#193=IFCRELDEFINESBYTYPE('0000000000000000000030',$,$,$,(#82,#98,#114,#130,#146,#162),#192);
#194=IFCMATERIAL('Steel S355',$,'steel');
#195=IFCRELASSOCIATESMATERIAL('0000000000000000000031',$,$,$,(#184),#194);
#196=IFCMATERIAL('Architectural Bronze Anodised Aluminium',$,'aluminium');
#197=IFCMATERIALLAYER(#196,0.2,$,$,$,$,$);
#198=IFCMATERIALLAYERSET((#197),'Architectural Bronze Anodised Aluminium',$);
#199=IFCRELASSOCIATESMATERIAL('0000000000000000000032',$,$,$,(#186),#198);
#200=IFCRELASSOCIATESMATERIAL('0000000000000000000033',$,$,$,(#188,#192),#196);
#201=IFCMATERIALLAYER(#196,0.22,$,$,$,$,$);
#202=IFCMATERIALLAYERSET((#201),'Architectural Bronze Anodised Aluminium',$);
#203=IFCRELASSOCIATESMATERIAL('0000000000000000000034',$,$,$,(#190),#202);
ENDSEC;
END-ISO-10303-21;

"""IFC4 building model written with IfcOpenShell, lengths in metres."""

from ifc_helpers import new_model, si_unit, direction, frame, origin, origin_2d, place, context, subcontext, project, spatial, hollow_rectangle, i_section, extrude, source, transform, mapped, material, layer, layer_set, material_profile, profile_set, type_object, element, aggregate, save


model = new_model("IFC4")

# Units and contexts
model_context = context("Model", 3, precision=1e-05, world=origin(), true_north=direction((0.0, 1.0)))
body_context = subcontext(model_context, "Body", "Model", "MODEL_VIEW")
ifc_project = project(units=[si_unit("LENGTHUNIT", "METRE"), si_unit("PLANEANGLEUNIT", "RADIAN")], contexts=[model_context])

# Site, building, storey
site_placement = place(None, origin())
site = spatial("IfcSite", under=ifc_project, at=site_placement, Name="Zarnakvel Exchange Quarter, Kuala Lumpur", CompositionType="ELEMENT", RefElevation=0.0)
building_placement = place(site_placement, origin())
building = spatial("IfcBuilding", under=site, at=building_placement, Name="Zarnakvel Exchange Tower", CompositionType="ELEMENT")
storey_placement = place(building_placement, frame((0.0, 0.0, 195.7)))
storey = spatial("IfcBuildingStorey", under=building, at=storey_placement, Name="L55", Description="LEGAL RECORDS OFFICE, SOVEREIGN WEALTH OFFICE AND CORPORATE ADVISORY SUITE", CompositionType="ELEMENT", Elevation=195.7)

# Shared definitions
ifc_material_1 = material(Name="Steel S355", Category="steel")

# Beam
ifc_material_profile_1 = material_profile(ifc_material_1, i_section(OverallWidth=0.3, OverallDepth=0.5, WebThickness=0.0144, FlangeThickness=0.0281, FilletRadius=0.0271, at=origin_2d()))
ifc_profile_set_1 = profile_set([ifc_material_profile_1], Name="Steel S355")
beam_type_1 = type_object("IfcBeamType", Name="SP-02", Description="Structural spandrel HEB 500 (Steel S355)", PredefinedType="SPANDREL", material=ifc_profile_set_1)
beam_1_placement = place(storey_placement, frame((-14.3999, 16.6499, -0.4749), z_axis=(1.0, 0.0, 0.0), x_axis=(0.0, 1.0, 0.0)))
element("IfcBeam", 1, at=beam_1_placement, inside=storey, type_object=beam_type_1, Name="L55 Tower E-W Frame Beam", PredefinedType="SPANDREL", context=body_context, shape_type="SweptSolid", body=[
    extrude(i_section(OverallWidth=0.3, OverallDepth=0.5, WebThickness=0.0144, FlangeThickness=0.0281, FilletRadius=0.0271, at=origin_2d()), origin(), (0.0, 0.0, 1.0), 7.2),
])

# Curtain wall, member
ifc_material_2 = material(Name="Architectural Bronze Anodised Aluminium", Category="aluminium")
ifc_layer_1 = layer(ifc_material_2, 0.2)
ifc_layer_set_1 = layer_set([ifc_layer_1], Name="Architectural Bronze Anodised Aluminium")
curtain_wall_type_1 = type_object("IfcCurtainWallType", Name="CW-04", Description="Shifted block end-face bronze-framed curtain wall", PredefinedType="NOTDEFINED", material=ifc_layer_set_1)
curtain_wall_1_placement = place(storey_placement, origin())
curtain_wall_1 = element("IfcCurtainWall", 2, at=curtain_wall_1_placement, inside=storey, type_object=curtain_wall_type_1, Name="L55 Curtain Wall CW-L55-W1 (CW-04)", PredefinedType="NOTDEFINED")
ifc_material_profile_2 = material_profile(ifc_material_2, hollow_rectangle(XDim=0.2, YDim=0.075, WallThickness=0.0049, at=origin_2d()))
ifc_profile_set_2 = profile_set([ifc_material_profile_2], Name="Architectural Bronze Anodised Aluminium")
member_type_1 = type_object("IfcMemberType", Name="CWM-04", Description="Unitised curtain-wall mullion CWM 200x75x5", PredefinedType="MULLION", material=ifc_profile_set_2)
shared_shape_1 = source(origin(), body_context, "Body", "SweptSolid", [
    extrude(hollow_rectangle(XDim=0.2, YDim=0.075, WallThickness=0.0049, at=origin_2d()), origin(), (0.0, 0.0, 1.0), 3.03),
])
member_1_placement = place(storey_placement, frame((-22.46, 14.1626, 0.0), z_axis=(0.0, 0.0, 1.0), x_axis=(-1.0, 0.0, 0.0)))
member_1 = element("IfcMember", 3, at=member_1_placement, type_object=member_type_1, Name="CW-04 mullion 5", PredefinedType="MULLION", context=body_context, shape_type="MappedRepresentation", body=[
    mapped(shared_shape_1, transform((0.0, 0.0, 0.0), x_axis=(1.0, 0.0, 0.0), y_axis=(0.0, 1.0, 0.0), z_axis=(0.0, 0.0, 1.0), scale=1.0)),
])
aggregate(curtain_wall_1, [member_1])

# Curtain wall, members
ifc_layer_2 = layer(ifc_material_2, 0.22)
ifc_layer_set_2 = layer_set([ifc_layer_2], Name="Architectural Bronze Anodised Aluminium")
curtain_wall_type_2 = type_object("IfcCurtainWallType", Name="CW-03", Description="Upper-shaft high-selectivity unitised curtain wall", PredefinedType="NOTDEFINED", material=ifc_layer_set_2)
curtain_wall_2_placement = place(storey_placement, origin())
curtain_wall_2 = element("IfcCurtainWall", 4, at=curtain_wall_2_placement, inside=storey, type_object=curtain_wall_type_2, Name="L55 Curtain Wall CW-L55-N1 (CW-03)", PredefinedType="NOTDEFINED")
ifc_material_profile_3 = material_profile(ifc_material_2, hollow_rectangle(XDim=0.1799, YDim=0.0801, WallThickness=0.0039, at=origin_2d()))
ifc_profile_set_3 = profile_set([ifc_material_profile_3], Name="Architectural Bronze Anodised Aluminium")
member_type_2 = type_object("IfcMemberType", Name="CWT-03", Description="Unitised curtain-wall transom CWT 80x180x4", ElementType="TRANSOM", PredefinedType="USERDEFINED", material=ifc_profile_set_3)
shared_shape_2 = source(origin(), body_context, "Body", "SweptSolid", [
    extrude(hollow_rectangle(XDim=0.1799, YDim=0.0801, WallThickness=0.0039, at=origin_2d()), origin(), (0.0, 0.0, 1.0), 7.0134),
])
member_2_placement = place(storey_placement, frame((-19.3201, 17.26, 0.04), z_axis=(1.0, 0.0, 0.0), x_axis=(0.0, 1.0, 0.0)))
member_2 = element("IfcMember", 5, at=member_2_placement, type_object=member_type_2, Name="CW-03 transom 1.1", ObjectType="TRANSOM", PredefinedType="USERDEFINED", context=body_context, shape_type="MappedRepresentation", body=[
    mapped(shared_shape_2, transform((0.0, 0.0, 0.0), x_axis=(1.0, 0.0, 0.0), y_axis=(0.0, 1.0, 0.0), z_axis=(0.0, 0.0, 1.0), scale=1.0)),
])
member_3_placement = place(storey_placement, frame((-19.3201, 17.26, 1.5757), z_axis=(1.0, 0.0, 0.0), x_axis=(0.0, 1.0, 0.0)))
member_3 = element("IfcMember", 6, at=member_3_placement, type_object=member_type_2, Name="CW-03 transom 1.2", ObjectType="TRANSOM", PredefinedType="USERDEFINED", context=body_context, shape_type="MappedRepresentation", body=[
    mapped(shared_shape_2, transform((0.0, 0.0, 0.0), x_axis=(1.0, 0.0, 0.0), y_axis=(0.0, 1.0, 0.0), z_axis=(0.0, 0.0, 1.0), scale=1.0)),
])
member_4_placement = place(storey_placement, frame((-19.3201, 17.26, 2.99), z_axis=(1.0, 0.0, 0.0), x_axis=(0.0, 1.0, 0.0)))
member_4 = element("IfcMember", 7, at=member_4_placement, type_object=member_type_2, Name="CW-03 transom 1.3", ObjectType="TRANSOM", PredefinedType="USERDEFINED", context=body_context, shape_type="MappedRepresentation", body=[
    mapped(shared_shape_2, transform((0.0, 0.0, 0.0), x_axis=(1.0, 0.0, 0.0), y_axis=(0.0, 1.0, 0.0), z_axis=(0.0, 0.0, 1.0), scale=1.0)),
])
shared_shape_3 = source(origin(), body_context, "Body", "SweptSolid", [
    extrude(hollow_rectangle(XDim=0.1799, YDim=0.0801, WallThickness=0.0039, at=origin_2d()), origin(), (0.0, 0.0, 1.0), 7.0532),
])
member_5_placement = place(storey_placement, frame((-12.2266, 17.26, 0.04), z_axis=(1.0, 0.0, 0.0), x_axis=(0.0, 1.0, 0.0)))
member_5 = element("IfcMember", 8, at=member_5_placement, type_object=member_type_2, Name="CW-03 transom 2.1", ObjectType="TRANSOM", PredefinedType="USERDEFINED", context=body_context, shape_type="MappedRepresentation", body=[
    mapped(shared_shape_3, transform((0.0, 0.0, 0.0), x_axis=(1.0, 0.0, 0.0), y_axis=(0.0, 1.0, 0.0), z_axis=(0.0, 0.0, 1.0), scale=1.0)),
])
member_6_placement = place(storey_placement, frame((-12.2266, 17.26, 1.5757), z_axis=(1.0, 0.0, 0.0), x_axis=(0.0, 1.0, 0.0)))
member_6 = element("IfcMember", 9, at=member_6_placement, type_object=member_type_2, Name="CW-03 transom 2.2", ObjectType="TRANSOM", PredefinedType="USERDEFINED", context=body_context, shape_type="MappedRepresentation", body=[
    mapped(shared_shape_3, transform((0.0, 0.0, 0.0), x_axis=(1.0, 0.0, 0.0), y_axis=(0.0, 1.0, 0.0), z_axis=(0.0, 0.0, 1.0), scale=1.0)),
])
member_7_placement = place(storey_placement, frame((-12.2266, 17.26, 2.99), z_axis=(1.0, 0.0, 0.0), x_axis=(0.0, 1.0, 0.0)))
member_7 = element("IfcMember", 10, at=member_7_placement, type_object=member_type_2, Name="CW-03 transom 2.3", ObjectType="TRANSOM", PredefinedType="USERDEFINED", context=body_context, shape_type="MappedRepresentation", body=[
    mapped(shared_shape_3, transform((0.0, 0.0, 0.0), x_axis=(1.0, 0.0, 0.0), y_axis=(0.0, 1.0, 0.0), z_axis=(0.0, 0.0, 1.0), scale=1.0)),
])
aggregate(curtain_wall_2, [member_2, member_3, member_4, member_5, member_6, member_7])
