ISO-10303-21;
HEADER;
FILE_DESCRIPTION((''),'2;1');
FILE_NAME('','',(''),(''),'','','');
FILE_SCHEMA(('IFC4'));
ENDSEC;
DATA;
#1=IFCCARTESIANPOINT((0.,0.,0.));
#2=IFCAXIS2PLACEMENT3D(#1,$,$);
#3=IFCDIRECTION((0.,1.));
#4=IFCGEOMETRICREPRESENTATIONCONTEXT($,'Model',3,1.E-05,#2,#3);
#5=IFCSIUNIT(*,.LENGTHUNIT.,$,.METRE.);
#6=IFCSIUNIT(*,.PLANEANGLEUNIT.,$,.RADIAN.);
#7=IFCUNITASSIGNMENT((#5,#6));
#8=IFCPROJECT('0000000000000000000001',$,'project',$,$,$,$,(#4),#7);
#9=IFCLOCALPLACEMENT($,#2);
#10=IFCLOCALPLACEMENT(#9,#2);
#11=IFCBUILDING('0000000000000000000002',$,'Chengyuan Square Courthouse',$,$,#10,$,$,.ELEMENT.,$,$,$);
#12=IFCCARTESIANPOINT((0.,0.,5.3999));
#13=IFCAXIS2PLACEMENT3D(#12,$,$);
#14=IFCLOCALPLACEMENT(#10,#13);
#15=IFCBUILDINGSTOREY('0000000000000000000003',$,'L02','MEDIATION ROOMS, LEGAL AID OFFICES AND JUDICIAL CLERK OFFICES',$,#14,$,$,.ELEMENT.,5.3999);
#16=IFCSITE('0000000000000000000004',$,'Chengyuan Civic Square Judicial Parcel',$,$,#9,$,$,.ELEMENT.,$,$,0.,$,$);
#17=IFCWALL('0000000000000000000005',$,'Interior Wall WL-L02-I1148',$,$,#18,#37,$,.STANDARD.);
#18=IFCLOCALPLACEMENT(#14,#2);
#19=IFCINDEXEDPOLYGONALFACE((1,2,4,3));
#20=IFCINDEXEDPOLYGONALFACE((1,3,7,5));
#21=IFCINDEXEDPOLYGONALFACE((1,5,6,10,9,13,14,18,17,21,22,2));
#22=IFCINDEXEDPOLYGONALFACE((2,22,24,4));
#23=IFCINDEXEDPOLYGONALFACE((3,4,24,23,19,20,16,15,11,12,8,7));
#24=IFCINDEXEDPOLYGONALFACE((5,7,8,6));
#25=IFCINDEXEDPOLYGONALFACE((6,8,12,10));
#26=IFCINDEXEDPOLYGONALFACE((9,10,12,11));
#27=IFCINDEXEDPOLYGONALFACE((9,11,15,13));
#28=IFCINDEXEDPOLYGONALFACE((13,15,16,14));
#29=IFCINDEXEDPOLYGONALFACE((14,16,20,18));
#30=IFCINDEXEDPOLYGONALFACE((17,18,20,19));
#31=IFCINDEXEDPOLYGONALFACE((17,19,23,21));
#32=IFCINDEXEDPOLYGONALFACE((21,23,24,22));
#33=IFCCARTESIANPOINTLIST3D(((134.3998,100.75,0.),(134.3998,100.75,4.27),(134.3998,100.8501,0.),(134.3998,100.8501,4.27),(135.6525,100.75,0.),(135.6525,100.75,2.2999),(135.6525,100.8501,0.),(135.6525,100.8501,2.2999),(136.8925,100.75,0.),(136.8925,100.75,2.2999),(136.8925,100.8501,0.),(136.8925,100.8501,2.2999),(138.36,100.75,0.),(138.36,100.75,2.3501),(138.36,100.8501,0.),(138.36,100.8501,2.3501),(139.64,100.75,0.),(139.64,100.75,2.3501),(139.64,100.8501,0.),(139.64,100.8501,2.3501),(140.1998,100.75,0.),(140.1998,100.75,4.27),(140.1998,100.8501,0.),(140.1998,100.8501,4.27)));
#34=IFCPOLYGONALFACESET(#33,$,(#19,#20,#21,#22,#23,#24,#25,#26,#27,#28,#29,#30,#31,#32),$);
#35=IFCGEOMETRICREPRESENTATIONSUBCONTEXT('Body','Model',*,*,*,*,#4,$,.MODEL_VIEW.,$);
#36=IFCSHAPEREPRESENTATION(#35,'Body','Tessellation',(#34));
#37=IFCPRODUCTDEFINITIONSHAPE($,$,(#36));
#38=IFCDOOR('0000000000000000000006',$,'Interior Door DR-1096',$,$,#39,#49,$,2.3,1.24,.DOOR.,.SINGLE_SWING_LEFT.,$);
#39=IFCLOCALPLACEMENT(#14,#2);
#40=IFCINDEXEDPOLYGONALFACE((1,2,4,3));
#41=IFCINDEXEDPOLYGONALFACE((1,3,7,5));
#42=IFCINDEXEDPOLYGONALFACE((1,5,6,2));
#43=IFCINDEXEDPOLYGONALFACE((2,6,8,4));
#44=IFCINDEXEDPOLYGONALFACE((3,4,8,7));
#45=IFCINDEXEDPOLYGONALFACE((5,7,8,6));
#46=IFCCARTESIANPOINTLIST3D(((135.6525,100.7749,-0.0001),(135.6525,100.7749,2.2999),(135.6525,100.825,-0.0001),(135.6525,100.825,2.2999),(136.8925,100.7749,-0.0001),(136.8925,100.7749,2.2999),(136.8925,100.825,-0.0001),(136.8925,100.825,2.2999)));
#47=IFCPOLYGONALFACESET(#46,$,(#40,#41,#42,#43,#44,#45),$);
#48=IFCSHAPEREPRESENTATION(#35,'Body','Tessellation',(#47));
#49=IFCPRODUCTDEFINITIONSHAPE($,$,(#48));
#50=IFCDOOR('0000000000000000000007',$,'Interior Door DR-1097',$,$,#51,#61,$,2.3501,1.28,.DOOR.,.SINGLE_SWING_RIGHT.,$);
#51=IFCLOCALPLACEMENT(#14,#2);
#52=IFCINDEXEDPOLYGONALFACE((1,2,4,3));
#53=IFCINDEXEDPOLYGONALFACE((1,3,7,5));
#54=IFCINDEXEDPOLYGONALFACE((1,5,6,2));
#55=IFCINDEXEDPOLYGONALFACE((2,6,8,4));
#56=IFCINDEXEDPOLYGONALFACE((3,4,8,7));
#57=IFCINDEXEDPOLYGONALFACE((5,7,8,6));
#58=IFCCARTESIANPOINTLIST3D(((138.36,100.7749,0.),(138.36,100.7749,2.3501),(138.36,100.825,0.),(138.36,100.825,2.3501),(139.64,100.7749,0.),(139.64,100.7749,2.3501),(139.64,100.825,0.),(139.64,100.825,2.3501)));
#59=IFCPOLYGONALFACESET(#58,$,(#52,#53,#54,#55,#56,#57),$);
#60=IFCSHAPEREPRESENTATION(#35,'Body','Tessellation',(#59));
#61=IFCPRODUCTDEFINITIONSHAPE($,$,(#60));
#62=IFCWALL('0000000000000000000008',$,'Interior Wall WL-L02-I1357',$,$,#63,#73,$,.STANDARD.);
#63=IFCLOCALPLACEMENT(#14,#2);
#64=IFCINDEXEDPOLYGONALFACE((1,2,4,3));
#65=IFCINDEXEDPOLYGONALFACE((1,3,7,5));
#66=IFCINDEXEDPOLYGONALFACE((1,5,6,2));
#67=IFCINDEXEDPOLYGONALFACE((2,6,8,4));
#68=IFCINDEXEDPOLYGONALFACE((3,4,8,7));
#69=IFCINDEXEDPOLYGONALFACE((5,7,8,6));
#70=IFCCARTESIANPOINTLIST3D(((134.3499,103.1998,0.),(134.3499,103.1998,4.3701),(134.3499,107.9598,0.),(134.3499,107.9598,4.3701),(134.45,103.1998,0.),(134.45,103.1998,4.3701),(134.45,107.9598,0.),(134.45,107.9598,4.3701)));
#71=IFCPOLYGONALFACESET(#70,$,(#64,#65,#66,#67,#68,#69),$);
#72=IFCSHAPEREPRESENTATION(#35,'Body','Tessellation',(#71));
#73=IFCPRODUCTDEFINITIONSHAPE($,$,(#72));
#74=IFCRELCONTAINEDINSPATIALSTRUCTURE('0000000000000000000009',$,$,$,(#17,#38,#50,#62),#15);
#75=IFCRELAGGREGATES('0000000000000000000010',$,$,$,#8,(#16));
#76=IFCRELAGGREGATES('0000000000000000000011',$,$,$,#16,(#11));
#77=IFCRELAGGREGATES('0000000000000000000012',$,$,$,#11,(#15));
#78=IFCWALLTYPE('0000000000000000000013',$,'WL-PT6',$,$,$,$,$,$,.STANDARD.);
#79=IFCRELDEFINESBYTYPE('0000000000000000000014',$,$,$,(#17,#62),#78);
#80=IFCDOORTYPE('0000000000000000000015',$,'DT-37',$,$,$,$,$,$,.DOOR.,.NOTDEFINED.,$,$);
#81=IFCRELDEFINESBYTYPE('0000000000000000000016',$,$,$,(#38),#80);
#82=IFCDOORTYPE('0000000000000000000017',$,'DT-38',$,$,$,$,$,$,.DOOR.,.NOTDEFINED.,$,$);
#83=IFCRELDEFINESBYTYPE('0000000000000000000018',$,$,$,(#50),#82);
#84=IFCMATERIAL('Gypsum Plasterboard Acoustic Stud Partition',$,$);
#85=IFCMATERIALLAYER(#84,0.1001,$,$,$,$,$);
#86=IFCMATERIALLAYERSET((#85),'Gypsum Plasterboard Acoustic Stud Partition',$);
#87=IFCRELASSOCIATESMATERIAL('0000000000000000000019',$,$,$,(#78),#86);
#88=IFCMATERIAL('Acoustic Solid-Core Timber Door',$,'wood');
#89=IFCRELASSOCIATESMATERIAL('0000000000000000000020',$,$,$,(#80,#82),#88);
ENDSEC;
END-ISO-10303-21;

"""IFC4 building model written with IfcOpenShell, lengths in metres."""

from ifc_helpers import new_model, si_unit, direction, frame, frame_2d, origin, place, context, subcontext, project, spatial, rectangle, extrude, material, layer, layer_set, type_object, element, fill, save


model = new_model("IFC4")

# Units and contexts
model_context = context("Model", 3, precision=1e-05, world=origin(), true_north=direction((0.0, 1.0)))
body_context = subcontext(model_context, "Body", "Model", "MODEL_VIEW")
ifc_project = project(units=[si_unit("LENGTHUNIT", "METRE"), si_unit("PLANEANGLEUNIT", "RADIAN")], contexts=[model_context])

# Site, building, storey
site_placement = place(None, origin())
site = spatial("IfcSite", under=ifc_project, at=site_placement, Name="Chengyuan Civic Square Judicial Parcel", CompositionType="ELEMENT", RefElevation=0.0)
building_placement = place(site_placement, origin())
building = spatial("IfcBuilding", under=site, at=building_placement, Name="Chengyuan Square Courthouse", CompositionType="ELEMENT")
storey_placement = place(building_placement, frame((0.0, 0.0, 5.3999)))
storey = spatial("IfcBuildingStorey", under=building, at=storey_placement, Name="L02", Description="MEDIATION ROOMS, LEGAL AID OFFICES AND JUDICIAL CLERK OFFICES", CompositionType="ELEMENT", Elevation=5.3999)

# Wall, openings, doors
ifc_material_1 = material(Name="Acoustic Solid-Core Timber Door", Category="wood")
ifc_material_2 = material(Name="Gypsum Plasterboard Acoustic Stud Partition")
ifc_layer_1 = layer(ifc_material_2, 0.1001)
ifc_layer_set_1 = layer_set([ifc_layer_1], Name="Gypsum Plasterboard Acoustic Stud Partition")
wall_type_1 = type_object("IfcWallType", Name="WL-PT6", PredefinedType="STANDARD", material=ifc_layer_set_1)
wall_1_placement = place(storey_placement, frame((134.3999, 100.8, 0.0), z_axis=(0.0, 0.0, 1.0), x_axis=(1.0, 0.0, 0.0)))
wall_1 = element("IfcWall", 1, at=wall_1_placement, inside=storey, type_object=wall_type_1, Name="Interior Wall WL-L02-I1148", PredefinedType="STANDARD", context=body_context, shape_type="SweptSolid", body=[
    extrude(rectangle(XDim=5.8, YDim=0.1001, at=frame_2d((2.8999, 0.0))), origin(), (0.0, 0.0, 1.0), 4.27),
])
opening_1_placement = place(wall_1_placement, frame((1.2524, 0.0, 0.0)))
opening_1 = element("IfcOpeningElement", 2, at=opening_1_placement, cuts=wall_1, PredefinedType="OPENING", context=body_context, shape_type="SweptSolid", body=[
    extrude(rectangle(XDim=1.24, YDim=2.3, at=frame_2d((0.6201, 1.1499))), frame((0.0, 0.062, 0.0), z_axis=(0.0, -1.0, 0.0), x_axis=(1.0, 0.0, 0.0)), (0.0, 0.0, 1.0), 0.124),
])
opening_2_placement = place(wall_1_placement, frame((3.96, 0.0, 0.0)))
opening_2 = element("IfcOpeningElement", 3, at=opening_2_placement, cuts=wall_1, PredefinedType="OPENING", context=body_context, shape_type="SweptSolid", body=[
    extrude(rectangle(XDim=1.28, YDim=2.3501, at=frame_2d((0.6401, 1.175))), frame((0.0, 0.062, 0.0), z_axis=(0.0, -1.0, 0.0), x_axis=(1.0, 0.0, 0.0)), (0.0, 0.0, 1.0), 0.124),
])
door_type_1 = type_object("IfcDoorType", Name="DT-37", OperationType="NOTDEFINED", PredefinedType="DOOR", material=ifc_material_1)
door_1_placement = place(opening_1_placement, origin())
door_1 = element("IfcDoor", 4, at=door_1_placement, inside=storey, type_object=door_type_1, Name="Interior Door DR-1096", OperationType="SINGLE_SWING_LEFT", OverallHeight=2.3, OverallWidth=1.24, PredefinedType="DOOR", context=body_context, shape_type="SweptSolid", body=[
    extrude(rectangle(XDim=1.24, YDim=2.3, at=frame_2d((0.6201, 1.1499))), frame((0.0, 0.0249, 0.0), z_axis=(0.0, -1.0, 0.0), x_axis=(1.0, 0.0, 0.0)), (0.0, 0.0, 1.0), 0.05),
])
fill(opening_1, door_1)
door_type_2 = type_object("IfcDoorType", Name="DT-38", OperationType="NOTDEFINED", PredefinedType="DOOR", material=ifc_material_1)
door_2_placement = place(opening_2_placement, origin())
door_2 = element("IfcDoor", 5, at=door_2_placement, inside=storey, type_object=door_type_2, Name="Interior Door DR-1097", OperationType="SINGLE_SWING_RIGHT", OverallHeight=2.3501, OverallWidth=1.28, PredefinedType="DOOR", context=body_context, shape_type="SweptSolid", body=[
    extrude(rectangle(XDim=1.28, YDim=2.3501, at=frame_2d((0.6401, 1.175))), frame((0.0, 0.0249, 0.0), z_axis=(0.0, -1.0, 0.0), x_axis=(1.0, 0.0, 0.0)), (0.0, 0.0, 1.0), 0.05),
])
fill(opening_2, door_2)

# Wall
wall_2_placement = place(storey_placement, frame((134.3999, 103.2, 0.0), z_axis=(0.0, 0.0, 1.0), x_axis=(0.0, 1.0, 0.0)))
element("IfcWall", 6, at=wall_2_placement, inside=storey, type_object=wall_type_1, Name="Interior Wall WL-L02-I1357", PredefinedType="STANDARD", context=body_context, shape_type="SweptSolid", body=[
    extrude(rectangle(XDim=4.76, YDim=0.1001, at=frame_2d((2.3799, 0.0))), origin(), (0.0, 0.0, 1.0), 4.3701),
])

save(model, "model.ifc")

********************

**YOUR GOAL**
If a line in the data above includes the string "MappedRepresentation", copy it.

**REPLY**
member_1 = element("IfcMember", 3, at=member_1_placement, type_object=member_type_1, Name="CW-04 mullion 5", PredefinedType="MULLION", context=body_context, shape_type="MappedRepresentation", body=[
member_2 = element("IfcMember", 5, at=member_2_placement, type_object=member_type_2, Name="CW-03 transom 1.1", ObjectType="TRANSOM", PredefinedType="USERDEFINED", context=body_context, shape_type="MappedRepresentation", body=[
member_3 = element("IfcMember", 6, at=member_3_placement, type_object=member_type_2, Name="CW-03 transom 1.2", ObjectType="TRANSOM", PredefinedType="USERDEFINED", context=body_context, shape_type="MappedRepresentation", body=[
member_4 = element("IfcMember", 7, at=member_4_placement, type_object=member_type_2, Name="CW-03 transom 1.3", ObjectType="TRANSOM", PredefinedType="USERDEFINED", context=body_context, shape_type="MappedRepresentation", body=[
member_5 = element("IfcMember", 8, at=member_5_placement, type_object=member_type_2, Name="CW-03 transom 2.1", ObjectType="TRANSOM", PredefinedType="USERDEFINED", context=body_context, shape_type="MappedRepresentation", body=[
member_6 = element("IfcMember", 9, at=member_6_placement, type_object=member_type_2, Name="CW-03 transom 2.2", ObjectType="TRANSOM", PredefinedType="USERDEFINED", context=body_context, shape_type="MappedRepresentation", body=[
member_7 = element("IfcMember", 10, at=member_7_placement, type_object=member_type_2, Name="CW-03 transom 2.3", ObjectType="TRANSOM", PredefinedType="USERDEFINED", context=body_context, shape_type="MappedRepresentation", body=[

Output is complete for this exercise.